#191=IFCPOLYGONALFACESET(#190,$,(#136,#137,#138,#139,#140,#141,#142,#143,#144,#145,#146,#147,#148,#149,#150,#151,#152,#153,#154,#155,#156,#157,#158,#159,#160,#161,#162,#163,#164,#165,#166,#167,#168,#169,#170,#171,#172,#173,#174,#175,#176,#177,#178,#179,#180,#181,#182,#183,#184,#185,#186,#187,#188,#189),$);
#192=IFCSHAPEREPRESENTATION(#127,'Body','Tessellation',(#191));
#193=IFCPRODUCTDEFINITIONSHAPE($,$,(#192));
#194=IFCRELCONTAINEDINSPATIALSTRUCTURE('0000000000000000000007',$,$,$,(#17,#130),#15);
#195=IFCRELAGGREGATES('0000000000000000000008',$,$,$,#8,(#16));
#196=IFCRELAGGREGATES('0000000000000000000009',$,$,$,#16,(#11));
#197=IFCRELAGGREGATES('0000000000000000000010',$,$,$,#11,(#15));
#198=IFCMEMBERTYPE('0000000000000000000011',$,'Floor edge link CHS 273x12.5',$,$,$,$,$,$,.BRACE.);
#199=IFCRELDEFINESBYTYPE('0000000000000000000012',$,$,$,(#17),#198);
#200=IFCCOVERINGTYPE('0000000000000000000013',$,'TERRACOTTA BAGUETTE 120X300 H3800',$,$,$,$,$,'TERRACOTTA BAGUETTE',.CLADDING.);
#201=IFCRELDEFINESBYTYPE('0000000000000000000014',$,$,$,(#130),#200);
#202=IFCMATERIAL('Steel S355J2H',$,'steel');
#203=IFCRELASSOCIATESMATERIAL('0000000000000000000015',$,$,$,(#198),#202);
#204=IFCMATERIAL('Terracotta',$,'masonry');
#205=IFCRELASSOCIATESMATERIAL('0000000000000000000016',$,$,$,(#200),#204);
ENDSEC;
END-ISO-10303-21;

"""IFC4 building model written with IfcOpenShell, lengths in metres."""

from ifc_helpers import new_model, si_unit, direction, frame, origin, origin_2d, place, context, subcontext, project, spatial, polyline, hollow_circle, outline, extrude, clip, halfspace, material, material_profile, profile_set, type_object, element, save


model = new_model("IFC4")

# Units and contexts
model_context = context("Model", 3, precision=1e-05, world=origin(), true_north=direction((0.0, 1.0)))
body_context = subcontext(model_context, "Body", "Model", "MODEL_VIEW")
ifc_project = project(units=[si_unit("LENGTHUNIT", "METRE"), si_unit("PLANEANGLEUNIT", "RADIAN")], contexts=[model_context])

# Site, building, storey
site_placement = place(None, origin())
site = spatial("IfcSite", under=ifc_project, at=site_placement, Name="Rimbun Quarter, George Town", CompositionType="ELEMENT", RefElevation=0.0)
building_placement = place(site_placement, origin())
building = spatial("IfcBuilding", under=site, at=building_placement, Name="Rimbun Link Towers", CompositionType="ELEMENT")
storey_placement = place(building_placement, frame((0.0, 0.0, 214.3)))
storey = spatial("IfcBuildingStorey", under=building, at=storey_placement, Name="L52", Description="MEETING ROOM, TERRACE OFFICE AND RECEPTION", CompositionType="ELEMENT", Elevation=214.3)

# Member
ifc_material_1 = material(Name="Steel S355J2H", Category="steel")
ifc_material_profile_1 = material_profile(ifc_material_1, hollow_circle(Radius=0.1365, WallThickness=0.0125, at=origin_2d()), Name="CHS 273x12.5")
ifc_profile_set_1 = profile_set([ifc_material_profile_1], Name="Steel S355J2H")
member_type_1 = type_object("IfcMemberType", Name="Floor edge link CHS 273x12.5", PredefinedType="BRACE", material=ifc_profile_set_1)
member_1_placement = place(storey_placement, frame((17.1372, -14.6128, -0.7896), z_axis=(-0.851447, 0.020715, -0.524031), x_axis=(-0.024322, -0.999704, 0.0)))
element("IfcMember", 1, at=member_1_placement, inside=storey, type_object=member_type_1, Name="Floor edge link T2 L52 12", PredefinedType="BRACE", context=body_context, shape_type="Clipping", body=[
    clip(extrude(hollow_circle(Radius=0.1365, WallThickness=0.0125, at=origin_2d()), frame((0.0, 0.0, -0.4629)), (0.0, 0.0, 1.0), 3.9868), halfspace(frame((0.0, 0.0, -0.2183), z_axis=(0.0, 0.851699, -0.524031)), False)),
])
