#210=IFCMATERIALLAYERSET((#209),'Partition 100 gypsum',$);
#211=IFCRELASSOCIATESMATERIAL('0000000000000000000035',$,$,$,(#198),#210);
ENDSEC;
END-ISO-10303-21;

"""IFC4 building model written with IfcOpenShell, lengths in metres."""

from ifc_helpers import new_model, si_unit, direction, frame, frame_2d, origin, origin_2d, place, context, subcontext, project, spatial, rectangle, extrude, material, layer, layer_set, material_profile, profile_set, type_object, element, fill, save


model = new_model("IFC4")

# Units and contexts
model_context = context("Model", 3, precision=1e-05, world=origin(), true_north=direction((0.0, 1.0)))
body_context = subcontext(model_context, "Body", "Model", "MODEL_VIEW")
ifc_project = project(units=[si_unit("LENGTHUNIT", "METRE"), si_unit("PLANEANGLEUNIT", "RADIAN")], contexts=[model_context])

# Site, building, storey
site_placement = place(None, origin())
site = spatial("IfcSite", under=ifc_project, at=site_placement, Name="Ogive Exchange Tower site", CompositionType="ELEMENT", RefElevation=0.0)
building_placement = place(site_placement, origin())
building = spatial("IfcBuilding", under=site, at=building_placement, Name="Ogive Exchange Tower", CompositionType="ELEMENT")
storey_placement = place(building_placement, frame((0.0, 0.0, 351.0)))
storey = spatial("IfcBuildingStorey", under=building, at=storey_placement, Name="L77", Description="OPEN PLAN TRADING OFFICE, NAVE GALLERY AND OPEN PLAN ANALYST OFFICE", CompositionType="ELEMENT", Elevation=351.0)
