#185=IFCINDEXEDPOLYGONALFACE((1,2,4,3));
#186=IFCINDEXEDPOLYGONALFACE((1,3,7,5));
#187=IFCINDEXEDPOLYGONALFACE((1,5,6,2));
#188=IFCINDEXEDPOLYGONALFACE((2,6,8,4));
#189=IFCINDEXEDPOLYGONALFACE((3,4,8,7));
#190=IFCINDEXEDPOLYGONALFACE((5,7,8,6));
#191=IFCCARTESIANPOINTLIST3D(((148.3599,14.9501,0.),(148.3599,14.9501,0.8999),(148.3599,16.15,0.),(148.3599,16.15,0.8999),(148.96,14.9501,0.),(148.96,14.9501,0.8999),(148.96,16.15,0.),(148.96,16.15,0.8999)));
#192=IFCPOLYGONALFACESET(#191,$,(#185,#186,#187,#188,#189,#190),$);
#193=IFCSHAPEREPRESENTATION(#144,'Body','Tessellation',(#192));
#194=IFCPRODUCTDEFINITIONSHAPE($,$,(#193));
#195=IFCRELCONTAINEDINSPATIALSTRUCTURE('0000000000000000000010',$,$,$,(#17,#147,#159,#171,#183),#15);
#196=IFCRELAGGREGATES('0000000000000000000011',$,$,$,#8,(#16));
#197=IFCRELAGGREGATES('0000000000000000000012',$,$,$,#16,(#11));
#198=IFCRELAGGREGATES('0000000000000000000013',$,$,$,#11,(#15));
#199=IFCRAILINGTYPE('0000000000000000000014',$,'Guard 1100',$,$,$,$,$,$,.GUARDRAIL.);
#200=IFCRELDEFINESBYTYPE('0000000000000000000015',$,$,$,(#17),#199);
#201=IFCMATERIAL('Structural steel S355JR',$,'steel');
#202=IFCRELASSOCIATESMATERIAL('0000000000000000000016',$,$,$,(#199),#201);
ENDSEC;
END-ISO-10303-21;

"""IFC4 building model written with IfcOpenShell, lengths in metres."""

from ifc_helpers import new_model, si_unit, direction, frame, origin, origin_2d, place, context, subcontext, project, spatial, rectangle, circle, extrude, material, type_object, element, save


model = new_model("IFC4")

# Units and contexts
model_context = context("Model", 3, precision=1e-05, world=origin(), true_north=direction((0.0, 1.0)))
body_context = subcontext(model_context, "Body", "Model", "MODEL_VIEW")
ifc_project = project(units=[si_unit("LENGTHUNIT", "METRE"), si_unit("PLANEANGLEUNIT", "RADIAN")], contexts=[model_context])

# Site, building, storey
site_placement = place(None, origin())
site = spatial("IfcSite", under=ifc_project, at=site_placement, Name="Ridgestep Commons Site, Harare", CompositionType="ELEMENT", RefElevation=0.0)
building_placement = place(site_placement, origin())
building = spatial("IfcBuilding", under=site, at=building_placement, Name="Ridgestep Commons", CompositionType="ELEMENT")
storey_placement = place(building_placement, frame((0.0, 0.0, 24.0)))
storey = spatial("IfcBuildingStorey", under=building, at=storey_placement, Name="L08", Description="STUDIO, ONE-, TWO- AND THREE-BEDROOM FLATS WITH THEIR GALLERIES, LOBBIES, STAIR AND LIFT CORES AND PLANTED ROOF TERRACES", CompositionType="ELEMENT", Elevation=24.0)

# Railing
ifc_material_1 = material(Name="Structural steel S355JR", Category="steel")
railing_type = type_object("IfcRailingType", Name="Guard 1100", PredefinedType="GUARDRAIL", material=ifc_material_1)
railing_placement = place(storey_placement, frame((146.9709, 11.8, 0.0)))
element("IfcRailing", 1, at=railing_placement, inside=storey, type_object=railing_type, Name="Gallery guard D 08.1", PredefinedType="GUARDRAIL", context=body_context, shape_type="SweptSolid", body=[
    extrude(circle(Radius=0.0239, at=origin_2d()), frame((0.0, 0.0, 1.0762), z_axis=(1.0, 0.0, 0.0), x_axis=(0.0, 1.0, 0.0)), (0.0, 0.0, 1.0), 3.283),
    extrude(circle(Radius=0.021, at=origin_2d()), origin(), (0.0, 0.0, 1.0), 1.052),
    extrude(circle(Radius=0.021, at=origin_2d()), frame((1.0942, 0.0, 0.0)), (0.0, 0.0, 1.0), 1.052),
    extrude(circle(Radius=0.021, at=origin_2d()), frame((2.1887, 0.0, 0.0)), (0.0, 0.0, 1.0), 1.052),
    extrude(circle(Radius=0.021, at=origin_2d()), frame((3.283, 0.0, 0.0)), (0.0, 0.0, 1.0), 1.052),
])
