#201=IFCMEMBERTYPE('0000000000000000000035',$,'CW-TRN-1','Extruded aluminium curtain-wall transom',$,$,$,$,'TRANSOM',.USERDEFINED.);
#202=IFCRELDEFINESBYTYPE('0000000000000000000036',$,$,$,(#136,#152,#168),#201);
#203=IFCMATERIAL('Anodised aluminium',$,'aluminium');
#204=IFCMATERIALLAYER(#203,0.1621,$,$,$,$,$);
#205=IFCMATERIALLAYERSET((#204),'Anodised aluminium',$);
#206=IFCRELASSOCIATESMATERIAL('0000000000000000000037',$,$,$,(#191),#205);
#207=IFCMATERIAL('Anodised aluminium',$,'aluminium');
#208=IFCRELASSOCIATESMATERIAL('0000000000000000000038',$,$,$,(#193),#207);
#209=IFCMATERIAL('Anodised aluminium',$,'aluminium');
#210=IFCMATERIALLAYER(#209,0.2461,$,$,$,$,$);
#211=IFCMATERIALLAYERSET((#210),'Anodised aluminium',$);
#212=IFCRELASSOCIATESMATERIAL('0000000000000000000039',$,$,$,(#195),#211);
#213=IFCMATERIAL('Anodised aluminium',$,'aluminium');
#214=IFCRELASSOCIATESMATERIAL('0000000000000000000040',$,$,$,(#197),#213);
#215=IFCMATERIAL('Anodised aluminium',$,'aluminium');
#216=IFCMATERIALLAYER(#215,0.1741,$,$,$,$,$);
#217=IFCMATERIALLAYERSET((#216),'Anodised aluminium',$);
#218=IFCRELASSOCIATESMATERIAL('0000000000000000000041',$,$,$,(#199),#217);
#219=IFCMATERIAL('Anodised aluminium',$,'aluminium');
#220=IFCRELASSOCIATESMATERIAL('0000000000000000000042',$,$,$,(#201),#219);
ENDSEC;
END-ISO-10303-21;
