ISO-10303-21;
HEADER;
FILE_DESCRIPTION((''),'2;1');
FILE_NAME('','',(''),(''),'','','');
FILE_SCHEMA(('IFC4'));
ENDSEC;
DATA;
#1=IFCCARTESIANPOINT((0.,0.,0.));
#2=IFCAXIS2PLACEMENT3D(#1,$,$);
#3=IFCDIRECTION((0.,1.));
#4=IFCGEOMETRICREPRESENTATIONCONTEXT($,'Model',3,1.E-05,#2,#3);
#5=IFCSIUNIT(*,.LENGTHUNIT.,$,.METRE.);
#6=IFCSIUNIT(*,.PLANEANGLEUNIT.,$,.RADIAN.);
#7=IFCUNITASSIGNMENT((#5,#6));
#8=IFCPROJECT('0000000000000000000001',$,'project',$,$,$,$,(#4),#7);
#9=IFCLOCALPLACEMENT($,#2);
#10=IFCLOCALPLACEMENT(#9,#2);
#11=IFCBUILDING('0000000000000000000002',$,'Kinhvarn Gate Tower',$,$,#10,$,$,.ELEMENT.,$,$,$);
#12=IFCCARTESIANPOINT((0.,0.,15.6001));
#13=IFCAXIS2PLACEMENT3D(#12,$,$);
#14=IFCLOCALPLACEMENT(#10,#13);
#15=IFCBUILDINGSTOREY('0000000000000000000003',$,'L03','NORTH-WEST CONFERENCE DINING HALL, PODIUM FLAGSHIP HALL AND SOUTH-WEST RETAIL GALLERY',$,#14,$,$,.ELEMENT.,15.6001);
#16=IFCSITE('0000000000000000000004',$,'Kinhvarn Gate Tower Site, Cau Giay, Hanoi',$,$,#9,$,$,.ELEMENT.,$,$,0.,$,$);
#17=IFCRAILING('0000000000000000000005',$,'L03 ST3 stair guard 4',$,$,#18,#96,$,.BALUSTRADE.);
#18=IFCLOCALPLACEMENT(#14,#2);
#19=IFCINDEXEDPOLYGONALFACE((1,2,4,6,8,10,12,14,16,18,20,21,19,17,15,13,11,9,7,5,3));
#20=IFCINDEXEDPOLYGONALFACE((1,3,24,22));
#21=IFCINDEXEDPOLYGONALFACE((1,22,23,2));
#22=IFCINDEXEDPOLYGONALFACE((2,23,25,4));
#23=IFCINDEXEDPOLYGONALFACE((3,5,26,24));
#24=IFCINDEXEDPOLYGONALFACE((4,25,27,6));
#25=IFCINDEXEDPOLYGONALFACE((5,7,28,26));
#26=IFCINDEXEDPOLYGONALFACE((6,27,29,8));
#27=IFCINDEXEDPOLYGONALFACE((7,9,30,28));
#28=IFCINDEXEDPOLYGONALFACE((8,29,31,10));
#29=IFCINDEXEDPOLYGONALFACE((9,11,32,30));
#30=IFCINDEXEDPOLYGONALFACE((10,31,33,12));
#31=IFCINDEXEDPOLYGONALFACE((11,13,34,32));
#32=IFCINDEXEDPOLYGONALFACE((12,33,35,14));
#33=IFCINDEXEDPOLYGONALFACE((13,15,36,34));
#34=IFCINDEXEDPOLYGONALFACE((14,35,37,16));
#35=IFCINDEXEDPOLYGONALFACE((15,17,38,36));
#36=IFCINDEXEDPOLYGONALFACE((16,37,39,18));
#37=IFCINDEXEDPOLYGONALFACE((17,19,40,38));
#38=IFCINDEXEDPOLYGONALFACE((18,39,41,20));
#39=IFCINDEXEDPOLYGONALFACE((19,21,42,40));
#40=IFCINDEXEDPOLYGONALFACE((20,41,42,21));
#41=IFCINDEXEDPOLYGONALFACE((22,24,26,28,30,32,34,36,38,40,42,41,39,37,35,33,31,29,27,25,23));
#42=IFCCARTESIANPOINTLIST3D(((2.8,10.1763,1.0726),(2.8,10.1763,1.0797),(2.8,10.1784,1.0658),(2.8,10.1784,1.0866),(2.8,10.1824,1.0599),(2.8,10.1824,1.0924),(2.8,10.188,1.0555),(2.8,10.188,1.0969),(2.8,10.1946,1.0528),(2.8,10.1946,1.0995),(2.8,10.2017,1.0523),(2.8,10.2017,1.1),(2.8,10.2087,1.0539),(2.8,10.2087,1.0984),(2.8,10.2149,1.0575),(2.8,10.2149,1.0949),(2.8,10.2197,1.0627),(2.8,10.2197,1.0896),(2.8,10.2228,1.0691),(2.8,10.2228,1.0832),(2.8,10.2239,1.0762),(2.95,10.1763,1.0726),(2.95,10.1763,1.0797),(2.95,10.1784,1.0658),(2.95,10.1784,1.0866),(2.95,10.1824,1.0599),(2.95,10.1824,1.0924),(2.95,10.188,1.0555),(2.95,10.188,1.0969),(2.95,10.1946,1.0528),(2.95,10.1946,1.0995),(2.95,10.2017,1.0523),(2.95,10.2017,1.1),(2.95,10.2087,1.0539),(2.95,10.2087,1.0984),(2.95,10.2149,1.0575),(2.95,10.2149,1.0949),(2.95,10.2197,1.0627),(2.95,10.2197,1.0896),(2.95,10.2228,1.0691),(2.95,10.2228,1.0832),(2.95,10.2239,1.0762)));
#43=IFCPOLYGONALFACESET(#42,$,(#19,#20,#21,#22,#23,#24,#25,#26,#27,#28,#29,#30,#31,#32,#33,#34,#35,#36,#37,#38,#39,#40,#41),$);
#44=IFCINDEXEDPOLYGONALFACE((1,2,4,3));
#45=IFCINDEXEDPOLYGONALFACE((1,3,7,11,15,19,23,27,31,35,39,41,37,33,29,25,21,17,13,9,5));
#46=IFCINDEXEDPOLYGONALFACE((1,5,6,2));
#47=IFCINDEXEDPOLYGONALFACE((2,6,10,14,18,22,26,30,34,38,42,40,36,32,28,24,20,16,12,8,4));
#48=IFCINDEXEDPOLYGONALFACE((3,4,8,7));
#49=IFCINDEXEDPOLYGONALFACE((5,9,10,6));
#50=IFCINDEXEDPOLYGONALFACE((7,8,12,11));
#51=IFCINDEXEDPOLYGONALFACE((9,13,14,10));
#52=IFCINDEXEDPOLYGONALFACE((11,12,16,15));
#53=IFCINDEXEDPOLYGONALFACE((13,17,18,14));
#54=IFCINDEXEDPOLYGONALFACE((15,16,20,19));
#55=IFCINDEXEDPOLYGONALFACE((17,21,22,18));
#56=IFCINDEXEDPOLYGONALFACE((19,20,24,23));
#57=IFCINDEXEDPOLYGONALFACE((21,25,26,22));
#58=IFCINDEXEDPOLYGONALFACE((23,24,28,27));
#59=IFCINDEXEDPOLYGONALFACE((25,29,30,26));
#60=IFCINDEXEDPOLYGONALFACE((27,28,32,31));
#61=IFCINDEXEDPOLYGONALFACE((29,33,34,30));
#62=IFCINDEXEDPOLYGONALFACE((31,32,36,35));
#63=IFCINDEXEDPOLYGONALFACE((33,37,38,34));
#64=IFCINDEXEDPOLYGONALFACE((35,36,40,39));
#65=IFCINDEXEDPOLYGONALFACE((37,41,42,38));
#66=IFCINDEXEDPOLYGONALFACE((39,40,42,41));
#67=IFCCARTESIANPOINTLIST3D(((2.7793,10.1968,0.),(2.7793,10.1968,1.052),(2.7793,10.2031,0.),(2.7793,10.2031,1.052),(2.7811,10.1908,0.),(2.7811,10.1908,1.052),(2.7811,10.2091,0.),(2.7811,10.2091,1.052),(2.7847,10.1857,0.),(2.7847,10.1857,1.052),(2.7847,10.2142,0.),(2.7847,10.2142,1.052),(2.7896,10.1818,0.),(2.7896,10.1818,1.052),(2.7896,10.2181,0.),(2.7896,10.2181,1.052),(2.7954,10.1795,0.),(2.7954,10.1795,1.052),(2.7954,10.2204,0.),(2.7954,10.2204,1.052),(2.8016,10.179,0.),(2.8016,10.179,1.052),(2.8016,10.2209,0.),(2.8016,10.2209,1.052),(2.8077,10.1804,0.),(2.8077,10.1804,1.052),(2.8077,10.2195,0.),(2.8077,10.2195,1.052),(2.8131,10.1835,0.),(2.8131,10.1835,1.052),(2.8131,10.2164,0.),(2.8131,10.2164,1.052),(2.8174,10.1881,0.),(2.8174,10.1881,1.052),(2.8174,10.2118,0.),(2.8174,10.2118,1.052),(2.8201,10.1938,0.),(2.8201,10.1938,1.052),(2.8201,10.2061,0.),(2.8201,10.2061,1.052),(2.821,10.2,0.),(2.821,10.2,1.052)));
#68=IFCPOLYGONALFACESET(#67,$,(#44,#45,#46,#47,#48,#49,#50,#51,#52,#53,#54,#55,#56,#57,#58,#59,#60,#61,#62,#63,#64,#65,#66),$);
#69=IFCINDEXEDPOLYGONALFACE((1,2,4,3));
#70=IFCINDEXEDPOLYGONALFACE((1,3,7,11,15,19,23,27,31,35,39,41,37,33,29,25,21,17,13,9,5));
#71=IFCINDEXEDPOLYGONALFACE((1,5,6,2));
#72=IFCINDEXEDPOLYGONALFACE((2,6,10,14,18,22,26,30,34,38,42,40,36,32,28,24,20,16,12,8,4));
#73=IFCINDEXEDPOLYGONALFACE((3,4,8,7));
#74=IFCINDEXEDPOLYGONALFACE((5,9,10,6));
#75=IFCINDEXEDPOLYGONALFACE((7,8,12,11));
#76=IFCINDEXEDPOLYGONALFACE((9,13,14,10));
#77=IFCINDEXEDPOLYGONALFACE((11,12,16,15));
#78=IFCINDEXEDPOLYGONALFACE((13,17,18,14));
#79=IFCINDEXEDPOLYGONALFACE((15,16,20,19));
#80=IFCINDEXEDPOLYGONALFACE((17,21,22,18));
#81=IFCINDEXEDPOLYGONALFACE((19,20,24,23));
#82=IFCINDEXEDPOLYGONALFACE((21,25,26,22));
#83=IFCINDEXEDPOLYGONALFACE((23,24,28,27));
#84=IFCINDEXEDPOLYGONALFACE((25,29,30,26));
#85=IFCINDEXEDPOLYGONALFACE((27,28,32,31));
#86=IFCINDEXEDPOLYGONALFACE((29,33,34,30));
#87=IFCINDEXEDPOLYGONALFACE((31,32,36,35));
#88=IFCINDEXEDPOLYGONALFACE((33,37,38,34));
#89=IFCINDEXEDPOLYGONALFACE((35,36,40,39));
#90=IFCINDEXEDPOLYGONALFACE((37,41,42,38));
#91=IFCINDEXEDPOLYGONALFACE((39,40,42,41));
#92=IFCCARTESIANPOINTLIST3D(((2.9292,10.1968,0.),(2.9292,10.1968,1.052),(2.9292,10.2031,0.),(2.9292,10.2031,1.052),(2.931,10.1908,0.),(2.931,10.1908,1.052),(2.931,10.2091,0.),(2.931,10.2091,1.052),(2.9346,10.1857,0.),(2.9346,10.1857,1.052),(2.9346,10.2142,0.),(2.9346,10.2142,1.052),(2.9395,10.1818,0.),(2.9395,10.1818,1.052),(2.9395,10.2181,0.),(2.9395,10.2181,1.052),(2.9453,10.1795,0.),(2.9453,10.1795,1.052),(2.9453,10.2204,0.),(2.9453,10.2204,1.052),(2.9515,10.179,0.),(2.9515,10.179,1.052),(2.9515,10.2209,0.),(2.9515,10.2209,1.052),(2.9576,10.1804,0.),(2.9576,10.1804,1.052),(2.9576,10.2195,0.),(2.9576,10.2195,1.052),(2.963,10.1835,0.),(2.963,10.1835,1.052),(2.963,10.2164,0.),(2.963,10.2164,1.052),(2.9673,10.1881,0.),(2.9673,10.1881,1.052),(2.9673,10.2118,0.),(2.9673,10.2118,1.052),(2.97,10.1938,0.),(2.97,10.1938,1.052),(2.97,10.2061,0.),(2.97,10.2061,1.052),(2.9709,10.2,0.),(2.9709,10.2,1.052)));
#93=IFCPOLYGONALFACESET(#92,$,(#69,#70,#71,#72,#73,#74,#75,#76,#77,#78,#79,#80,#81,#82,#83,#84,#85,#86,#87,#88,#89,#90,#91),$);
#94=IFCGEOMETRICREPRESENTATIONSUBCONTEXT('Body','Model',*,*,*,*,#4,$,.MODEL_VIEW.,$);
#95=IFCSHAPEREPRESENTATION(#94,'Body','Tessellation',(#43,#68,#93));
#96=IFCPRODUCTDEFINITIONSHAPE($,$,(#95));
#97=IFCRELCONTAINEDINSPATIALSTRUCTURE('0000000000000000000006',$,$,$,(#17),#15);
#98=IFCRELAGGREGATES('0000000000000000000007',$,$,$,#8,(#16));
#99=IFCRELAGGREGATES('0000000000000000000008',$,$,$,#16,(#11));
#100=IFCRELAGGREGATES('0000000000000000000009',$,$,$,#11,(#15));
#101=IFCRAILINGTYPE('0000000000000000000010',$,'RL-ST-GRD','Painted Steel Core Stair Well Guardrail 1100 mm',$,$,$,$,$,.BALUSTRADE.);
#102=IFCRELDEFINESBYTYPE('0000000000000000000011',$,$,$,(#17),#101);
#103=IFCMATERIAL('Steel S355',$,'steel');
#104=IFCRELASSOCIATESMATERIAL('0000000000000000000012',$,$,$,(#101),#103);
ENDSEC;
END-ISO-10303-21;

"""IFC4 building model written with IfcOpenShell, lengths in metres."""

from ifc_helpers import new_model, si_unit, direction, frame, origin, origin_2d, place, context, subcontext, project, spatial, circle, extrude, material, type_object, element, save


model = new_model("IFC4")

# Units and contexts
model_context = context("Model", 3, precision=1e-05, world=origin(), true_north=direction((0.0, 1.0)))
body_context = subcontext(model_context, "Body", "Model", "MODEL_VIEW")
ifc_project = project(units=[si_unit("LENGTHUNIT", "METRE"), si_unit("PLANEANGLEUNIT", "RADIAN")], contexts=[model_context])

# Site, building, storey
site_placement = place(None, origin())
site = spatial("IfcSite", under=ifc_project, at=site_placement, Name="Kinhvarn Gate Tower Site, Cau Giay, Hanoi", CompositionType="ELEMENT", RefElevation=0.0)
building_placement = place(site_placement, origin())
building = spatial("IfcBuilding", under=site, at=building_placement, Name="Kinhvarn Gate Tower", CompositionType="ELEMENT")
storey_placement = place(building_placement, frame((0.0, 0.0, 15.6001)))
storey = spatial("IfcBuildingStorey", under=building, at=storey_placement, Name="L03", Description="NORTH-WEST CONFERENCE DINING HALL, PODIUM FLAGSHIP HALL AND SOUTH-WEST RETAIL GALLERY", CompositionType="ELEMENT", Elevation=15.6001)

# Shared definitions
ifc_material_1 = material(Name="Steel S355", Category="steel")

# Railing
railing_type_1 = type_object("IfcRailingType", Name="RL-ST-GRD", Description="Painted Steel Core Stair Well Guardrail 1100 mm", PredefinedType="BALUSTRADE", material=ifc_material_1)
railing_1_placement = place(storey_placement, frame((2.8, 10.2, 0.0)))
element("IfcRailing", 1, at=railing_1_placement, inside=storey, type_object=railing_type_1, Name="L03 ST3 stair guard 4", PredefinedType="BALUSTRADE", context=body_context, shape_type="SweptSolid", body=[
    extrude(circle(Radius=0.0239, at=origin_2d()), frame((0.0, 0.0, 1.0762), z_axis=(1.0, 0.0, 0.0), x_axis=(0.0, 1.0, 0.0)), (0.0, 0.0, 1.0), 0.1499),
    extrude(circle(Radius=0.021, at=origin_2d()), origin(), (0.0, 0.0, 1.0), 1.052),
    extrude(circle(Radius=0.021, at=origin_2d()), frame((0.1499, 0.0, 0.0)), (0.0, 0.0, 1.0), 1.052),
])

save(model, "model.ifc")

---

## WORK REQUIRED
From the data above, report how many lines hold the word "IFCSHAPEREPRESENTATION", answering with the number by itself.

## REPLY
3